Your goal:
Scan the material for the word "Bathroom" and return every matching line.

┄┄┄┄┄┄┄┄┄┄┄┄┄┄┄┄┄┄┄┄

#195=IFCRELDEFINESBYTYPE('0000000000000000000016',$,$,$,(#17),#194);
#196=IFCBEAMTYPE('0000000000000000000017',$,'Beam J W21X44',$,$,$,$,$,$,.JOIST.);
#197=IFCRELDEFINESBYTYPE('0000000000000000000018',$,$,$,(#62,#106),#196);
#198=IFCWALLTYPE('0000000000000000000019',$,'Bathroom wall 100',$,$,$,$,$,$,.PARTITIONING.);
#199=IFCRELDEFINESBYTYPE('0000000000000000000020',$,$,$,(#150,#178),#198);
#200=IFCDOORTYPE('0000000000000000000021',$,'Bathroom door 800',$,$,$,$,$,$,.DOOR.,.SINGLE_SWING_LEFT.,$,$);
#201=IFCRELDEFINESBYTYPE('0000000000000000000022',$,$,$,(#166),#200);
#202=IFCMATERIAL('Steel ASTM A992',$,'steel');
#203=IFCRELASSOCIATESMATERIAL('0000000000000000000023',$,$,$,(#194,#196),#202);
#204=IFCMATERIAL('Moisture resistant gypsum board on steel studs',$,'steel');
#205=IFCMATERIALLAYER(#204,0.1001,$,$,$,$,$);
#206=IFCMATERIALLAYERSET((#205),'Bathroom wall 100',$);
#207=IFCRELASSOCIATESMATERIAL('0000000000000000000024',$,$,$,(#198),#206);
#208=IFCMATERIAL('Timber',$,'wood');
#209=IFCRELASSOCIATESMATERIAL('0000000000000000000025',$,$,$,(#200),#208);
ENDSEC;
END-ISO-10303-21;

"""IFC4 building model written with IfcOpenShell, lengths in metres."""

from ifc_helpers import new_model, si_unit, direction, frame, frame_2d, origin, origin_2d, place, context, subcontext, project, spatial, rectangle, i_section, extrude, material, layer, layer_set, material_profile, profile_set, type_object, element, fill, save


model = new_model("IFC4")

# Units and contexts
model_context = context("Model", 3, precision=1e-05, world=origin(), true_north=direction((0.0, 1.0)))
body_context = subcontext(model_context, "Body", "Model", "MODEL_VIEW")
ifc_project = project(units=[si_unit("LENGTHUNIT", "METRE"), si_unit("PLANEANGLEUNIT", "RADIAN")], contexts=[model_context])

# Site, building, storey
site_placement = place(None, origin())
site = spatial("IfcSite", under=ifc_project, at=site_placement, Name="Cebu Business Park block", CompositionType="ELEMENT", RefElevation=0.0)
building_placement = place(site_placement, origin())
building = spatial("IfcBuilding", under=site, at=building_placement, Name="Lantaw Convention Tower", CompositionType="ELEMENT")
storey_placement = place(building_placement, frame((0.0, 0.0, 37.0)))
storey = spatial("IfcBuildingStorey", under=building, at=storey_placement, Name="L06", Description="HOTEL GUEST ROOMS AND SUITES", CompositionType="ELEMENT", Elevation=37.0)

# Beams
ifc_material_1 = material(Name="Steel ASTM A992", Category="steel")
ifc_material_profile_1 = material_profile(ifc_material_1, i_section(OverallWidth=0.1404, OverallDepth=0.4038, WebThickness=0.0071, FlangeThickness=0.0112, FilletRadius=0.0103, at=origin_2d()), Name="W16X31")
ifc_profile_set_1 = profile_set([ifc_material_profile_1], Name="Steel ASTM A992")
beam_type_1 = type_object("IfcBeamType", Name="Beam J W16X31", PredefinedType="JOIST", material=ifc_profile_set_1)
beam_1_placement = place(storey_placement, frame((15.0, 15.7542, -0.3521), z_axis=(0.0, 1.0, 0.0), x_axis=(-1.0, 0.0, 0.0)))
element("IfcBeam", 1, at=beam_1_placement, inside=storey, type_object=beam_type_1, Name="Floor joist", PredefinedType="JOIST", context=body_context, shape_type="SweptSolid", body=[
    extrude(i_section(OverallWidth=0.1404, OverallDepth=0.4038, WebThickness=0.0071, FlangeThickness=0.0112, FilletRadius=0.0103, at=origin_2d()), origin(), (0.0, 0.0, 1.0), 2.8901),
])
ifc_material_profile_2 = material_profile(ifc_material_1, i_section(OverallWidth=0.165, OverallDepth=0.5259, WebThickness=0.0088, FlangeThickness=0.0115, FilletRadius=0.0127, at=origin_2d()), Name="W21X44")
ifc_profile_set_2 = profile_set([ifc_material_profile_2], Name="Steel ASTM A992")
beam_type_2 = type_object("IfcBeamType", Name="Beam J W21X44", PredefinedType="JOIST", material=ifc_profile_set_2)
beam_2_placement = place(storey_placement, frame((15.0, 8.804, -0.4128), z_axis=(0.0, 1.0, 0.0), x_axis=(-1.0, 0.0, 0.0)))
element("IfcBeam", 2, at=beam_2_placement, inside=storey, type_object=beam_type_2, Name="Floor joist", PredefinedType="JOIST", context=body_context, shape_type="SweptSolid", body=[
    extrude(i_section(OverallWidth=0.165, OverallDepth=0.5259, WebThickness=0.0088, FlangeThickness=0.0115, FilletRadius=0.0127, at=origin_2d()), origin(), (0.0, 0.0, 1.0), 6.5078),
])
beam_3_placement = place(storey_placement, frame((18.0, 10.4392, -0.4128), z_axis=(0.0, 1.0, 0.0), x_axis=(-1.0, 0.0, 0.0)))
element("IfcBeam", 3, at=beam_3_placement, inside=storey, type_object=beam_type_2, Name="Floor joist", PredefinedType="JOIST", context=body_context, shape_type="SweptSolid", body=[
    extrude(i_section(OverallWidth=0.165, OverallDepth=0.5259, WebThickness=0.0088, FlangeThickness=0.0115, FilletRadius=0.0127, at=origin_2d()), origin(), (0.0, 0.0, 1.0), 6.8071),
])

┄┄┄┄┄┄┄┄┄┄┄┄┄┄┄┄┄┄┄┄

Your response:
#198=IFCWALLTYPE('0000000000000000000019',$,'Bathroom wall 100',$,$,$,$,$,$,.PARTITIONING.);
#200=IFCDOORTYPE('0000000000000000000021',$,'Bathroom door 800',$,$,$,$,$,$,.DOOR.,.SINGLE_SWING_LEFT.,$,$);
#206=IFCMATERIALLAYERSET((#205),'Bathroom wall 100',$);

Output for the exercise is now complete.